** Data listing **
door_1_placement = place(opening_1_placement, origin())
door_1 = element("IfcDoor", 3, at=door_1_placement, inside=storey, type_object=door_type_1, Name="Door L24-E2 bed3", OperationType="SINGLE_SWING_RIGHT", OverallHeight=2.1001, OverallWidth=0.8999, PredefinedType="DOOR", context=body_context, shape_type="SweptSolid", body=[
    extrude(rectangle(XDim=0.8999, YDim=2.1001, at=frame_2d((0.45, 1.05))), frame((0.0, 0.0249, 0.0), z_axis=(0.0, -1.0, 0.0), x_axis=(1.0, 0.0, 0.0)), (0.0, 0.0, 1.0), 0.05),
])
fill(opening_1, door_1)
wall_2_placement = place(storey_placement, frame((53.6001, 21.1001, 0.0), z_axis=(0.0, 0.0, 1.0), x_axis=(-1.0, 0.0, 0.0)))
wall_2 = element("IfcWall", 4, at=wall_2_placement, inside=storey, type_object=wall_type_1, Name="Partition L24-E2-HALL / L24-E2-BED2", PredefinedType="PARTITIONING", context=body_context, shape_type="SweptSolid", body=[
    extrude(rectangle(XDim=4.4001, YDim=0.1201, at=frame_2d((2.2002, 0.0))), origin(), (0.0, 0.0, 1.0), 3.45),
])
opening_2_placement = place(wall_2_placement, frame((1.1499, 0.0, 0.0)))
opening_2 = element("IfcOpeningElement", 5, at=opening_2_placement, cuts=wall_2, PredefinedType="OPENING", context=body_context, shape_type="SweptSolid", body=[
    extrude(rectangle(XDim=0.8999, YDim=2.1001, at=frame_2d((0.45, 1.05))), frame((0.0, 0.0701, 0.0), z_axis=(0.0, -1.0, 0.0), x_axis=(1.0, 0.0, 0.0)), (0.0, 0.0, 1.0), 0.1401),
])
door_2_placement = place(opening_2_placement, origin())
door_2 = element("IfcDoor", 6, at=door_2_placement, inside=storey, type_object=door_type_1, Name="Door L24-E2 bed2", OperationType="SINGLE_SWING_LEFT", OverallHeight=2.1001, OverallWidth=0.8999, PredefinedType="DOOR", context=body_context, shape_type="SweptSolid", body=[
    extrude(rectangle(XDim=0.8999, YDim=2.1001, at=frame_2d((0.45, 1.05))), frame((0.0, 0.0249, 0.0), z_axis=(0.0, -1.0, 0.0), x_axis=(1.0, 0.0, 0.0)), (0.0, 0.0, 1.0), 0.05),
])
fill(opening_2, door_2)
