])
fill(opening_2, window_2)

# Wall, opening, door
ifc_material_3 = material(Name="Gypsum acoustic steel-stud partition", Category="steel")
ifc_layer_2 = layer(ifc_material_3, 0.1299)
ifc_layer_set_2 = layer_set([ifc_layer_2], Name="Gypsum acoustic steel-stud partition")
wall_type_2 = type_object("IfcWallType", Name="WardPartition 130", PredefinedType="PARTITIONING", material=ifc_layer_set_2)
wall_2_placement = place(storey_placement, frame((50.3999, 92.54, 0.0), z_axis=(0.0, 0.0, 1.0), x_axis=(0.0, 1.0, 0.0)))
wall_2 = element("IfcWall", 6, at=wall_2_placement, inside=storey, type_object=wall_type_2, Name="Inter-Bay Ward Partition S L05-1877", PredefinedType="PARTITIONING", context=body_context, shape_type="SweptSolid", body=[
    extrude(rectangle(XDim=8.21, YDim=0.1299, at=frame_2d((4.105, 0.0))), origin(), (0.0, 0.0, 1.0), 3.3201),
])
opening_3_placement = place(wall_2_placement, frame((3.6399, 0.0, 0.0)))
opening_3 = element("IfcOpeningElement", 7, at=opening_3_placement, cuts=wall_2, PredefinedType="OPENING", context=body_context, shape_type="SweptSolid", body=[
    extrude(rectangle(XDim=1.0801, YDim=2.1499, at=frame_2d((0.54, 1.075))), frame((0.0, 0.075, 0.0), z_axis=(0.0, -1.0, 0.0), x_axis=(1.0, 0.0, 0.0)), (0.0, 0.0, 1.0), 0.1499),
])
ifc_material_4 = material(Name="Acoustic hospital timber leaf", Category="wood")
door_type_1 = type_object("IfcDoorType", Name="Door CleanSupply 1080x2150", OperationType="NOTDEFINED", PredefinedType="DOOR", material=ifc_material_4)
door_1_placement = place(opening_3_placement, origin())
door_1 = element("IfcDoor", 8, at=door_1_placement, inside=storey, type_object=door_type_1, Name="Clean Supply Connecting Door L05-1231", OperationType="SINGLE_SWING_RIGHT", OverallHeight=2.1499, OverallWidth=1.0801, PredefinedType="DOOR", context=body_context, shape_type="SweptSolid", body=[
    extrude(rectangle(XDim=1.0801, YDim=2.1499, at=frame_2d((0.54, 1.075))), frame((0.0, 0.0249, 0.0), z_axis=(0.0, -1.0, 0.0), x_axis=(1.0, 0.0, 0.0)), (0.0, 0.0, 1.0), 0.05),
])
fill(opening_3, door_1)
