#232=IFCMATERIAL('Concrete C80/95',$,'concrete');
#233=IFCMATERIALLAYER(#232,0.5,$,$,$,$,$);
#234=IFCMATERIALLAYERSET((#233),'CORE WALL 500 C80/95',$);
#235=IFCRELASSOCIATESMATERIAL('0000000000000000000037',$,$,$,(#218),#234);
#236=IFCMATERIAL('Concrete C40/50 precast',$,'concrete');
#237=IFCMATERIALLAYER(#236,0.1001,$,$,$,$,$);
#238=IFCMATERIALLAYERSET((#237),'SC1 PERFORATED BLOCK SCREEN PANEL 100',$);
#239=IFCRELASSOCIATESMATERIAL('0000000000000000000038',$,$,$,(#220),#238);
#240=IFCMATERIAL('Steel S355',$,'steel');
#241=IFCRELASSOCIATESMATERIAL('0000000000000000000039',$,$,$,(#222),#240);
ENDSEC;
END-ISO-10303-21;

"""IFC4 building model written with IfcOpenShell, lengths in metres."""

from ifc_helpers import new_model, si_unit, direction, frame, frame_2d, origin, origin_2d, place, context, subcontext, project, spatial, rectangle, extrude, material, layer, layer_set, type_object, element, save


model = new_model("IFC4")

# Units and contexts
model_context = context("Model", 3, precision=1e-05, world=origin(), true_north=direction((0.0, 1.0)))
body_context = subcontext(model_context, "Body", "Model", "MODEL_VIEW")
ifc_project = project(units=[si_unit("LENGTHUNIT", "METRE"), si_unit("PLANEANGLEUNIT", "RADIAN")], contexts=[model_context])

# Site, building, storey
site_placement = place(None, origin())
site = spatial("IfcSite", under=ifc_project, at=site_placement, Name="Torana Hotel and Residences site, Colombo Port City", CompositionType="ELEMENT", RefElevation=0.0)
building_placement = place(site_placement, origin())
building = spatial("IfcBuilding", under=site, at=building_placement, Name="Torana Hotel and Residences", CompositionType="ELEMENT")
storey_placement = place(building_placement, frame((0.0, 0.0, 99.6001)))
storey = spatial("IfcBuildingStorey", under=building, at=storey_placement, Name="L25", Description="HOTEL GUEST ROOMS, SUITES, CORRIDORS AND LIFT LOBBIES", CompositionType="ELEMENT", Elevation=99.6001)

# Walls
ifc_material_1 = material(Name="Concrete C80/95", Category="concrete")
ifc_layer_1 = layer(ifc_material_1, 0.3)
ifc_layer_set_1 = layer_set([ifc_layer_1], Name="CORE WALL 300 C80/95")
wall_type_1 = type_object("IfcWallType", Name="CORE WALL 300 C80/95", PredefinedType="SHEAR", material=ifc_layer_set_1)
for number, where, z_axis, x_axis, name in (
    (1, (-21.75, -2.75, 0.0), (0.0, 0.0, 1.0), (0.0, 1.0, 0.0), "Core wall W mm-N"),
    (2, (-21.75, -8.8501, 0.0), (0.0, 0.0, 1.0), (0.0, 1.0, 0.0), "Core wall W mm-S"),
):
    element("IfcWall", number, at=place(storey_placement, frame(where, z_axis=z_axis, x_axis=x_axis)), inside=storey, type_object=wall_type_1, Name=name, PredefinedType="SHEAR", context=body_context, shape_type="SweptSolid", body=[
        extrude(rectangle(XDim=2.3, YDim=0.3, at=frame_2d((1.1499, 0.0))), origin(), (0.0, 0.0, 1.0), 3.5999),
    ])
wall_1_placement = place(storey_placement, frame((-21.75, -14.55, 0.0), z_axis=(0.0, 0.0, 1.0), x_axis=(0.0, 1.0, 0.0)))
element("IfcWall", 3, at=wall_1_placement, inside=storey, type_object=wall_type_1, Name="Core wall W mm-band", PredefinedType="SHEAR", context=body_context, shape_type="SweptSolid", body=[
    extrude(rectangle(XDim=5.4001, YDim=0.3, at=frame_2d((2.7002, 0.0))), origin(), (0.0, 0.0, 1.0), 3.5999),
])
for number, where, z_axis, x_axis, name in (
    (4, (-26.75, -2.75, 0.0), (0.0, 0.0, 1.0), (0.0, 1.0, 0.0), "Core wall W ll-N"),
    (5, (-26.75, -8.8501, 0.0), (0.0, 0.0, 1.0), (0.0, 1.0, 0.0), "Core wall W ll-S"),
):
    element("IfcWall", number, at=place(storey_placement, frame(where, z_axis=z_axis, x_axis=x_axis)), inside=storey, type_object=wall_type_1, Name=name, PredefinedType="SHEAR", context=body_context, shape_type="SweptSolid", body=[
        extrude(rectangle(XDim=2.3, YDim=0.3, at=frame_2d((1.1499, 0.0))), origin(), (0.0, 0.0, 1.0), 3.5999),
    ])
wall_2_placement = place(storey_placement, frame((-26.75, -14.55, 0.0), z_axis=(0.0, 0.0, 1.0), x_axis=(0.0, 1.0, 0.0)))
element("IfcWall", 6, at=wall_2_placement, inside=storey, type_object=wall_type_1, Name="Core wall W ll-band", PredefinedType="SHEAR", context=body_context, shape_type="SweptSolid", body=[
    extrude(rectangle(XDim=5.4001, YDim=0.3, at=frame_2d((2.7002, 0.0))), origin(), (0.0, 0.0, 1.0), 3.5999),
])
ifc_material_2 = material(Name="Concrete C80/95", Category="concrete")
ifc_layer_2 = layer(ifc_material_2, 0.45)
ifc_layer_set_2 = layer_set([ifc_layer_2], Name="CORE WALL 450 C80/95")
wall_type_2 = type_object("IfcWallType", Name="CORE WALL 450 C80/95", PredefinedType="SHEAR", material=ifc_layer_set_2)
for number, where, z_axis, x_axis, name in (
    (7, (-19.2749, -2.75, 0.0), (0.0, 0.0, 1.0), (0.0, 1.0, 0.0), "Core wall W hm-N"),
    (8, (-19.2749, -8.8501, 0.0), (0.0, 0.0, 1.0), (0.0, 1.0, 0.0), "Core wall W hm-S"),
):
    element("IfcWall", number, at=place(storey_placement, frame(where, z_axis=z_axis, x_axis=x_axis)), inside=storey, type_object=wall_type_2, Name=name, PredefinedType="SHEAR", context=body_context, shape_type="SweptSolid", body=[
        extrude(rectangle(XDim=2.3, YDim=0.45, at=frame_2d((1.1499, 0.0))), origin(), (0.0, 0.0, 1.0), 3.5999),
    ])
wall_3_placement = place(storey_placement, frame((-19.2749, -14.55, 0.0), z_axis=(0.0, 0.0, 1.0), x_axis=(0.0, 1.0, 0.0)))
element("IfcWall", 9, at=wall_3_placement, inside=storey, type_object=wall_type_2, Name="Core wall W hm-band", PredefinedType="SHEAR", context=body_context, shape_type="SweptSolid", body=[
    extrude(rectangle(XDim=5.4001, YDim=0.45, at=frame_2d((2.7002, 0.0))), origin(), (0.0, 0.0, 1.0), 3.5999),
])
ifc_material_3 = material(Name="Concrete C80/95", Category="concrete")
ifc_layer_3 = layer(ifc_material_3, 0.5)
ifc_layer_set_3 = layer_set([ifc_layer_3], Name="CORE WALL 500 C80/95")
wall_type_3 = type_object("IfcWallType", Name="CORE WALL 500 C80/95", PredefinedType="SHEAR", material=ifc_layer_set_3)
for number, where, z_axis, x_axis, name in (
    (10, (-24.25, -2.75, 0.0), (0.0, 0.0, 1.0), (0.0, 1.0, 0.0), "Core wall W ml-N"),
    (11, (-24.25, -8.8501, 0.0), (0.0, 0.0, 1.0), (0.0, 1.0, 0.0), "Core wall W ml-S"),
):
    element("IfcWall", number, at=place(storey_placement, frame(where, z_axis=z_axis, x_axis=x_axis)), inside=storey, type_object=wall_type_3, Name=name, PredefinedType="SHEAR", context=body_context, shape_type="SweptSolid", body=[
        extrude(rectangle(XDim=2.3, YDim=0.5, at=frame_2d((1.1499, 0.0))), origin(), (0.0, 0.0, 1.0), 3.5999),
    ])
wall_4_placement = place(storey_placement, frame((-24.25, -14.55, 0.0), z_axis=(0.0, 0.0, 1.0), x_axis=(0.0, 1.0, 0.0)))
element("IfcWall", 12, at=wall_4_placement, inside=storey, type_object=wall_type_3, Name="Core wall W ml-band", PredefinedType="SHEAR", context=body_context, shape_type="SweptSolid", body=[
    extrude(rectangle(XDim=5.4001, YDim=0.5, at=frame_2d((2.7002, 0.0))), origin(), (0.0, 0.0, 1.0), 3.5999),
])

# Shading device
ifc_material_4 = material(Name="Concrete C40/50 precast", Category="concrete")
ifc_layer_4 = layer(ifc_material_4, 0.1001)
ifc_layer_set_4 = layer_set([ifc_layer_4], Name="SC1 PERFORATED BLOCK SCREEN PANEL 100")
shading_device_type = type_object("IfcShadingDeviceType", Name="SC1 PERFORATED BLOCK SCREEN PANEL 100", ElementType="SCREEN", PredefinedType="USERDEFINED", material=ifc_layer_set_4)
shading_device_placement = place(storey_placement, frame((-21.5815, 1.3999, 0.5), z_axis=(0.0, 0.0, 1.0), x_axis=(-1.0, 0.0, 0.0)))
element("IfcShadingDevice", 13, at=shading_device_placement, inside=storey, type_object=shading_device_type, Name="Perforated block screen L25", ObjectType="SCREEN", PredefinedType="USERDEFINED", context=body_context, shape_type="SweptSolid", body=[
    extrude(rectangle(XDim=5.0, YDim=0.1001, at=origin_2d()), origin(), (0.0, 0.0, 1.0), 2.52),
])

** Problem statement **
Search the records for the word "OverallHeight". Copy every line that has it.

** Response to this exercise **
door_1 = element("IfcDoor", 3, at=door_1_placement, inside=storey, type_object=door_type_1, Name="Door L24-E2 bed3", OperationType="SINGLE_SWING_RIGHT", OverallHeight=2.1001, OverallWidth=0.8999, PredefinedType="DOOR", context=body_context, shape_type="SweptSolid", body=[
door_2 = element("IfcDoor", 6, at=door_2_placement, inside=storey, type_object=door_type_1, Name="Door L24-E2 bed2", OperationType="SINGLE_SWING_LEFT", OverallHeight=2.1001, OverallWidth=0.8999, PredefinedType="DOOR", context=body_context, shape_type="SweptSolid", body=[
door_1 = element("IfcDoor", 8, at=door_1_placement, inside=storey, type_object=door_type_1, Name="Clean Supply Connecting Door L05-1231", OperationType="SINGLE_SWING_RIGHT", OverallHeight=2.1499, OverallWidth=1.0801, PredefinedType="DOOR", context=body_context, shape_type="SweptSolid", body=[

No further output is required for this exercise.